◆ INSTRUCTIONS FOR THE TASK: Show all lines of the entries in which the word "Tower" is found.

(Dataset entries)
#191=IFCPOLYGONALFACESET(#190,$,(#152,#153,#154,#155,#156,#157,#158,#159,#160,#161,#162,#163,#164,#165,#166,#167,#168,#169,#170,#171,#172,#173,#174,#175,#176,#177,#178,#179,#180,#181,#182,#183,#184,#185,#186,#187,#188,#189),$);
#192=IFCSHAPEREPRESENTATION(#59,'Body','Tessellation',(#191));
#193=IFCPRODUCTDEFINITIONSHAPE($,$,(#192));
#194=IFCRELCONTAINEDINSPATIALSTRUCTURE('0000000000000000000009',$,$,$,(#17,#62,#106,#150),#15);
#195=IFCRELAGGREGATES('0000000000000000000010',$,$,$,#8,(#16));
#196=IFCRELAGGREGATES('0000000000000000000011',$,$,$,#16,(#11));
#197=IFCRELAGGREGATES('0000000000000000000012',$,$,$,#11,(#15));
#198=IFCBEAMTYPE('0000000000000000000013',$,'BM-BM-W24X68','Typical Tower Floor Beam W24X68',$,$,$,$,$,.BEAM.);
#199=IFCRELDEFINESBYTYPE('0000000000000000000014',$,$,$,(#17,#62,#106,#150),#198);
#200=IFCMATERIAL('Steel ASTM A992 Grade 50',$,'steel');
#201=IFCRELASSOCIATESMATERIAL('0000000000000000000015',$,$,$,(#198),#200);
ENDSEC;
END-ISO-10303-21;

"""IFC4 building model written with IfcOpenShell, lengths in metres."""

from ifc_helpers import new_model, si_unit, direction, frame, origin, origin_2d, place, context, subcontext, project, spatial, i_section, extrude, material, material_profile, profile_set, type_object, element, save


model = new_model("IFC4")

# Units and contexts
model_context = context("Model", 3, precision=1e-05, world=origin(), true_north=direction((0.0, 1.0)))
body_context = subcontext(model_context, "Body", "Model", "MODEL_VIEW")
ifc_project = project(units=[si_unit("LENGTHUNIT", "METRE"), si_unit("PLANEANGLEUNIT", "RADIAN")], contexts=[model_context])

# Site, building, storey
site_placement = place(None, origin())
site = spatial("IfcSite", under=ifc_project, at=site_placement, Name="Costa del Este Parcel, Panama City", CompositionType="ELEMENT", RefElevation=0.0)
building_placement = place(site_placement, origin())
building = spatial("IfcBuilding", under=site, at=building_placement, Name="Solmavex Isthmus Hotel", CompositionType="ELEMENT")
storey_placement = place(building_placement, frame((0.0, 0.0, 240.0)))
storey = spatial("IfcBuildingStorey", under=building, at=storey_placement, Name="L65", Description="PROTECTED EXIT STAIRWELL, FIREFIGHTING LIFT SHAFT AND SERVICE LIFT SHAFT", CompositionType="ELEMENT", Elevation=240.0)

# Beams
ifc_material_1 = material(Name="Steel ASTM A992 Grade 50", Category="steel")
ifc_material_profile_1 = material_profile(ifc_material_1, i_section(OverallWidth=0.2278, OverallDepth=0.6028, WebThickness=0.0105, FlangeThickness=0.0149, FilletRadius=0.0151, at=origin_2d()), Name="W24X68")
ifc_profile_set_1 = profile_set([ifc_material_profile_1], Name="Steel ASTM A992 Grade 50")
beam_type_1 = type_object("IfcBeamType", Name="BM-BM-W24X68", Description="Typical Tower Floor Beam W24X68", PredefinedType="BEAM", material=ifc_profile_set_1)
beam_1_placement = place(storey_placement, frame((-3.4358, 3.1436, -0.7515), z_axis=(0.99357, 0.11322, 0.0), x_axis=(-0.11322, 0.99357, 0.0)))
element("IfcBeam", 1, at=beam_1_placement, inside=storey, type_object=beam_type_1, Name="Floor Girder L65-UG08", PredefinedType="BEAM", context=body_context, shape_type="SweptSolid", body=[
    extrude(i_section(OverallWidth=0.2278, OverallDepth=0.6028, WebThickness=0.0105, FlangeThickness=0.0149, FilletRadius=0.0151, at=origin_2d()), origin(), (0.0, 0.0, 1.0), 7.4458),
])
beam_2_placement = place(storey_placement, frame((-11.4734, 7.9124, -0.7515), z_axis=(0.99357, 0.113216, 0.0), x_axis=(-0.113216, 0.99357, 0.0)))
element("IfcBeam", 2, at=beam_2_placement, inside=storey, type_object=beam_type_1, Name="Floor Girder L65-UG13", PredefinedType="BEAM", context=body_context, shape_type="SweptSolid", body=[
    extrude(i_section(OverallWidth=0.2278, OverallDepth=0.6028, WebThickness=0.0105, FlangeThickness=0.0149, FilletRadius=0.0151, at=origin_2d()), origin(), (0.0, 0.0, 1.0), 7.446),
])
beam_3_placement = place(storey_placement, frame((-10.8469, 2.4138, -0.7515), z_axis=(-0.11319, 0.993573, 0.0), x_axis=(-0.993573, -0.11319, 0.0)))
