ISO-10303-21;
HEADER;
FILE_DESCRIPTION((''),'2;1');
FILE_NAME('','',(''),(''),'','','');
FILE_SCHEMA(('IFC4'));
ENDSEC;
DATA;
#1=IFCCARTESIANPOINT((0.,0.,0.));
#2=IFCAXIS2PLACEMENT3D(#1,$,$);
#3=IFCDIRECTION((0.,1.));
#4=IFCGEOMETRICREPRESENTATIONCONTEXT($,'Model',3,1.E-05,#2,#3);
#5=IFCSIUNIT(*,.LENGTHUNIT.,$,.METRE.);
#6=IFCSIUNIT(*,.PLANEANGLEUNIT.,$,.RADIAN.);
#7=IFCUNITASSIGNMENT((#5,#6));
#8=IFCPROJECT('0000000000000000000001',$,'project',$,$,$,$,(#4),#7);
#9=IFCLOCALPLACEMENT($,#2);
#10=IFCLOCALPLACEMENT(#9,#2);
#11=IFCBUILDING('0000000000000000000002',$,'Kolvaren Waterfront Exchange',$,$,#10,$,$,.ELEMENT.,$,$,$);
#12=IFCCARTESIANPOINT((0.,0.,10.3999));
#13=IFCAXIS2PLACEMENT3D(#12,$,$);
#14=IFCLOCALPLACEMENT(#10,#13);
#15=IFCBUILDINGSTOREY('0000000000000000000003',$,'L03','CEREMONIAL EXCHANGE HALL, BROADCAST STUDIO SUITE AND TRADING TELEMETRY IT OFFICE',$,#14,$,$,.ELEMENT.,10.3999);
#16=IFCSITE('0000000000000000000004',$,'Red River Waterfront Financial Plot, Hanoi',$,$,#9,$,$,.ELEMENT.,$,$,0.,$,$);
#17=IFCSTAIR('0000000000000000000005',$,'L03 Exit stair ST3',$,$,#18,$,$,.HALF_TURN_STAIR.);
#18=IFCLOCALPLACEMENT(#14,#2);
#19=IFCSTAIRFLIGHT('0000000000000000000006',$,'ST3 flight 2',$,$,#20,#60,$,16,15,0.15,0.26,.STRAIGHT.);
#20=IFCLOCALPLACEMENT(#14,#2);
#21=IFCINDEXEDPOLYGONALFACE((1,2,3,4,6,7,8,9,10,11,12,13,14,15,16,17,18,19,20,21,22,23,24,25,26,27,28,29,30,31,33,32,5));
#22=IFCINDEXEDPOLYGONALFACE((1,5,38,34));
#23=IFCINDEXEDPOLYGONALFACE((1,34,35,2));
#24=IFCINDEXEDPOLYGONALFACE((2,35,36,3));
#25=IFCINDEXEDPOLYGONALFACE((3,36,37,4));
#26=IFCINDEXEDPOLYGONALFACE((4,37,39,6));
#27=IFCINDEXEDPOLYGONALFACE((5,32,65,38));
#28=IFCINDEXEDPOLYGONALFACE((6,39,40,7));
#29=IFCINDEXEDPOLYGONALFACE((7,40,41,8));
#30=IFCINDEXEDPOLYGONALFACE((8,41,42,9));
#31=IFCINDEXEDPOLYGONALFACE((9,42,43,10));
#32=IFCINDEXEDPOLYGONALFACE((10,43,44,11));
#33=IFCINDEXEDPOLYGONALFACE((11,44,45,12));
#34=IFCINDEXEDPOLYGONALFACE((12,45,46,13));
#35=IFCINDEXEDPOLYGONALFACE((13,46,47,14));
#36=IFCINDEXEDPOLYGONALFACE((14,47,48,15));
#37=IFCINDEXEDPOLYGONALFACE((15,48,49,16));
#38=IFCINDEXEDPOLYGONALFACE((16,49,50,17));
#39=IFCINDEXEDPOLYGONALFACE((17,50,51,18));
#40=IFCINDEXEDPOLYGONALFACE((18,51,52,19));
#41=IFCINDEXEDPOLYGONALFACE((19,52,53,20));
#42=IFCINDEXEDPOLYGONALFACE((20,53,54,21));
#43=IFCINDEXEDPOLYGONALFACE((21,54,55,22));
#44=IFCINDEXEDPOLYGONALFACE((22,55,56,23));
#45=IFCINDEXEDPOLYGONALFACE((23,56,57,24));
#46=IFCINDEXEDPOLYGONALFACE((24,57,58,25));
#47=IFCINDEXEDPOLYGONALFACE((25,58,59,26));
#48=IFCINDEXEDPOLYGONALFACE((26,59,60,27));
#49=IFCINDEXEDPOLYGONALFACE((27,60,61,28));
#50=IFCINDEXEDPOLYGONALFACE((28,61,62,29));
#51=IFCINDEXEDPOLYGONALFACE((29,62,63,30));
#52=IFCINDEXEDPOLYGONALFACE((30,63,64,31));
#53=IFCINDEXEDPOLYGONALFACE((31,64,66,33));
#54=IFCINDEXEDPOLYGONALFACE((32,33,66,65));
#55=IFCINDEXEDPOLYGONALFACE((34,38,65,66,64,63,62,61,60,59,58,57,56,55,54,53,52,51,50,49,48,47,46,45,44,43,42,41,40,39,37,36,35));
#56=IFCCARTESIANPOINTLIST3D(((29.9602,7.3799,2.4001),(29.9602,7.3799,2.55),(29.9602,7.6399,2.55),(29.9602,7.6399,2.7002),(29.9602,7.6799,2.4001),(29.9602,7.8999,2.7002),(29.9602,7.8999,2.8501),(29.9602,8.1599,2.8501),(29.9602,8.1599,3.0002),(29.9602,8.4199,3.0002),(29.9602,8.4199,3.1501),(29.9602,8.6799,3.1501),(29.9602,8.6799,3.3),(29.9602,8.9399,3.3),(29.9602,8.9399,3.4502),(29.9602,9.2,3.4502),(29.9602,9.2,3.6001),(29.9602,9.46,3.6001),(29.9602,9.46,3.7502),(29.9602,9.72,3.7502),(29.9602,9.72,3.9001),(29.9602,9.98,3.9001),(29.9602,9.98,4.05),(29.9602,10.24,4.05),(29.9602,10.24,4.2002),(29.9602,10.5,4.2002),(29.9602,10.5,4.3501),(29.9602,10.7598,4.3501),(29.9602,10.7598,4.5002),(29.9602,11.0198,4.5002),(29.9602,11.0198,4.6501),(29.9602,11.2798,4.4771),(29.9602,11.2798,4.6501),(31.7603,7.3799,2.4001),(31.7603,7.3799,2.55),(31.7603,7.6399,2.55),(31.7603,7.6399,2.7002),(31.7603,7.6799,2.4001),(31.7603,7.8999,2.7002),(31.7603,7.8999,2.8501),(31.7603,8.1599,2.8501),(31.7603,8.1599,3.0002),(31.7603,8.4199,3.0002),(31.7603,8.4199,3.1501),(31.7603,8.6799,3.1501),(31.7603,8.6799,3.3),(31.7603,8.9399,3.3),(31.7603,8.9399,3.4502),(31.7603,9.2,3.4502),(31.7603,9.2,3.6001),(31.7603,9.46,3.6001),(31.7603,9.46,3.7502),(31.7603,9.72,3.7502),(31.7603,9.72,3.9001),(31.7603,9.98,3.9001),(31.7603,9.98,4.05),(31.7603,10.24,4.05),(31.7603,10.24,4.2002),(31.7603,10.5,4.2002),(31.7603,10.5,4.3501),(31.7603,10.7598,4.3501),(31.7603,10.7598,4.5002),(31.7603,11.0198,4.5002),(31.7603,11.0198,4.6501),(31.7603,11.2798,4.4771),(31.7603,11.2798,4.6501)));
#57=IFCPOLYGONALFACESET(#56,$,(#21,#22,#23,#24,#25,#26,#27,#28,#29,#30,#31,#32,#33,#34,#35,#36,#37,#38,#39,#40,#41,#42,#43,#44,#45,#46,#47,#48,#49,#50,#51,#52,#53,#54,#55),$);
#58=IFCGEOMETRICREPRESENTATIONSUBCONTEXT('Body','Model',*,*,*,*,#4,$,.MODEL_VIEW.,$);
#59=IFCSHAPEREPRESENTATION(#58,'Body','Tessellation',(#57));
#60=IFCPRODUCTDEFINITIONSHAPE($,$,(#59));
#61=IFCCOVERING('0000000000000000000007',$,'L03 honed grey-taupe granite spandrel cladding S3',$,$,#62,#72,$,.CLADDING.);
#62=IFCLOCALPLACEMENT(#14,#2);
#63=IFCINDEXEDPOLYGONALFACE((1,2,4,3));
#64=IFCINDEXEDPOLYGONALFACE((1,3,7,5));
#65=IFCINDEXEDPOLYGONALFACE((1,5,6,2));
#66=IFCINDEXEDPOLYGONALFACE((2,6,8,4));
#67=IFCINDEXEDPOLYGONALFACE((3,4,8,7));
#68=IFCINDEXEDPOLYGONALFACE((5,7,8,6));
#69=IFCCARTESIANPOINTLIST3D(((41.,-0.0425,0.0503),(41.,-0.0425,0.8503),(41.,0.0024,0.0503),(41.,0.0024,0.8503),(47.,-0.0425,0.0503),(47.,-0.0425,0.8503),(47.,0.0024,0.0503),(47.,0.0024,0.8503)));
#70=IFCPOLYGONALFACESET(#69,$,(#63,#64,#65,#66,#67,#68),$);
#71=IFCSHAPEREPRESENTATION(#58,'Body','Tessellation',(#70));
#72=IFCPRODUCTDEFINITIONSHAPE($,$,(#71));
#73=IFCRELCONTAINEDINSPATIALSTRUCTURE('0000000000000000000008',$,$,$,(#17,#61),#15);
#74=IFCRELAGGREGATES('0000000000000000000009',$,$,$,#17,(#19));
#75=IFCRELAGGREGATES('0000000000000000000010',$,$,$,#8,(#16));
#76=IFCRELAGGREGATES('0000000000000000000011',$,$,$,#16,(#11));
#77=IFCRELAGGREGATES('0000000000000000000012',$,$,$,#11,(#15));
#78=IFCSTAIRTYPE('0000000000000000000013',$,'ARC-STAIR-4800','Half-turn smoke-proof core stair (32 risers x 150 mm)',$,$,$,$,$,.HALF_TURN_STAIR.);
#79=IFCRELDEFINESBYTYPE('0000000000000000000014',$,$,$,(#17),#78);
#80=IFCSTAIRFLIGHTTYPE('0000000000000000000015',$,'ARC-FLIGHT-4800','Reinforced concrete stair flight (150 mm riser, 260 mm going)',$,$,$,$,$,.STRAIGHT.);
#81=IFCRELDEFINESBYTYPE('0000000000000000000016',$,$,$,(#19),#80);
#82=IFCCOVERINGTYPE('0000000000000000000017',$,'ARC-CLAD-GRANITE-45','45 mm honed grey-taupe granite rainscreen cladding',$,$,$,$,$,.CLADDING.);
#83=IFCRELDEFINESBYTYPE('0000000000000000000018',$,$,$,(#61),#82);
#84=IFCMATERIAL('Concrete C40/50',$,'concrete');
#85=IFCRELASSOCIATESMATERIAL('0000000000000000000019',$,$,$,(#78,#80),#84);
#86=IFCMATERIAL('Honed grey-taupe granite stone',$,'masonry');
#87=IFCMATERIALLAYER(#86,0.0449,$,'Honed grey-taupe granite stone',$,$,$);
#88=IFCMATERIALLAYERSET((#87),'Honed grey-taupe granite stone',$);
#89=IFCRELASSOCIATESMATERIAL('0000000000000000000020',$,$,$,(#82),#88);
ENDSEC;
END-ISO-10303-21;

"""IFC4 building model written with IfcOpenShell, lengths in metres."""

from ifc_helpers import new_model, si_unit, direction, frame, origin, origin_2d, place, context, subcontext, project, spatial, polyline, rectangle, outline, extrude, material, layer, layer_set, type_object, element, aggregate, save


model = new_model("IFC4")

# Units and contexts
model_context = context("Model", 3, precision=1e-05, world=origin(), true_north=direction((0.0, 1.0)))
body_context = subcontext(model_context, "Body", "Model", "MODEL_VIEW")
ifc_project = project(units=[si_unit("LENGTHUNIT", "METRE"), si_unit("PLANEANGLEUNIT", "RADIAN")], contexts=[model_context])

# Site, building, storey
site_placement = place(None, origin())
site = spatial("IfcSite", under=ifc_project, at=site_placement, Name="Red River Waterfront Financial Plot, Hanoi", CompositionType="ELEMENT", RefElevation=0.0)
building_placement = place(site_placement, origin())
building = spatial("IfcBuilding", under=site, at=building_placement, Name="Kolvaren Waterfront Exchange", CompositionType="ELEMENT")
storey_placement = place(building_placement, frame((0.0, 0.0, 10.3999)))
storey = spatial("IfcBuildingStorey", under=building, at=storey_placement, Name="L03", Description="CEREMONIAL EXCHANGE HALL, BROADCAST STUDIO SUITE AND TRADING TELEMETRY IT OFFICE", CompositionType="ELEMENT", Elevation=10.3999)

# Shared definitions
ifc_material_1 = material(Name="Concrete C40/50", Category="concrete")

# Stair, stair flight
stair_type = type_object("IfcStairType", Name="ARC-STAIR-4800", Description="Half-turn smoke-proof core stair (32 risers x 150 mm)", PredefinedType="HALF_TURN_STAIR", material=ifc_material_1)
stair_placement = place(storey_placement, origin())
stair = element("IfcStair", 1, at=stair_placement, inside=storey, type_object=stair_type, Name="L03 Exit stair ST3", PredefinedType="HALF_TURN_STAIR")
stair_flight_type = type_object("IfcStairFlightType", Name="ARC-FLIGHT-4800", Description="Reinforced concrete stair flight (150 mm riser, 260 mm going)", PredefinedType="STRAIGHT", material=ifc_material_1)
stair_flight_placement = place(storey_placement, frame((30.8601, 7.3799, 2.4001), z_axis=(0.0, 0.0, 1.0), x_axis=(0.0, 1.0, 0.0)))
stair_flight = element("IfcStairFlight", 2, at=stair_flight_placement, type_object=stair_flight_type, Name="ST3 flight 2", NumberOfRisers=16, NumberOfTreads=15, PredefinedType="STRAIGHT", RiserHeight=0.15, TreadLength=0.26, context=body_context, shape_type="SweptSolid", body=[
    extrude(outline(polyline([(0.0, 0.0), (0.0, 0.1499), (0.26, 0.1499), (0.26, 0.3), (0.52, 0.3), (0.52, 0.45), (0.78, 0.45), (0.78, 0.6001), (1.04, 0.6001), (1.04, 0.75), (1.3, 0.75), (1.3, 0.8999), (1.5601, 0.8999), (1.5601, 1.05), (1.8201, 1.05), (1.8201, 1.2), (2.0801, 1.2), (2.0801, 1.3501), (2.3401, 1.3501), (2.3401, 1.5), (2.6001, 1.5), (2.6001, 1.6499), (2.8601, 1.6499), (2.8601, 1.8), (3.1201, 1.8), (3.1201, 1.95), (3.3799, 1.95), (3.3799, 2.1001), (3.6399, 2.1001), (3.6399, 2.25), (3.8999, 2.25), (3.8999, 2.3999), (3.8999, 2.0769), (0.3, 0.0), (0.0, 0.0)])), frame((0.0, 0.8999, 0.0), z_axis=(0.0, -1.0, 0.0), x_axis=(1.0, 0.0, 0.0)), (0.0, 0.0, 1.0), 1.8),
])
aggregate(stair, [stair_flight])

# Covering
ifc_material_2 = material(Name="Honed grey-taupe granite stone", Category="masonry")
ifc_layer_1 = layer(ifc_material_2, 0.0449, Name="Honed grey-taupe granite stone")
ifc_layer_set_1 = layer_set([ifc_layer_1], Name="Honed grey-taupe granite stone")
covering_type = type_object("IfcCoveringType", Name="ARC-CLAD-GRANITE-45", Description="45 mm honed grey-taupe granite rainscreen cladding", PredefinedType="CLADDING", material=ifc_layer_set_1)
covering_placement = place(storey_placement, frame((44.0, -0.02, 0.0503), z_axis=(0.0, 0.0, 1.0), x_axis=(1.0, 0.0, 0.0)))
element("IfcCovering", 3, at=covering_placement, inside=storey, type_object=covering_type, Name="L03 honed grey-taupe granite spandrel cladding S3", PredefinedType="CLADDING", context=body_context, shape_type="SweptSolid", body=[
    extrude(rectangle(XDim=6.0, YDim=0.0449, at=origin_2d()), origin(), (0.0, 0.0, 1.0), 0.8),
])

save(model, "model.ifc")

◆ EXERCISE SOLUTION:
#198=IFCBEAMTYPE('0000000000000000000013',$,'BM-BM-W24X68','Typical Tower Floor Beam W24X68',$,$,$,$,$,.BEAM.);
beam_type_1 = type_object("IfcBeamType", Name="BM-BM-W24X68", Description="Typical Tower Floor Beam W24X68", PredefinedType="BEAM", material=ifc_profile_set_1)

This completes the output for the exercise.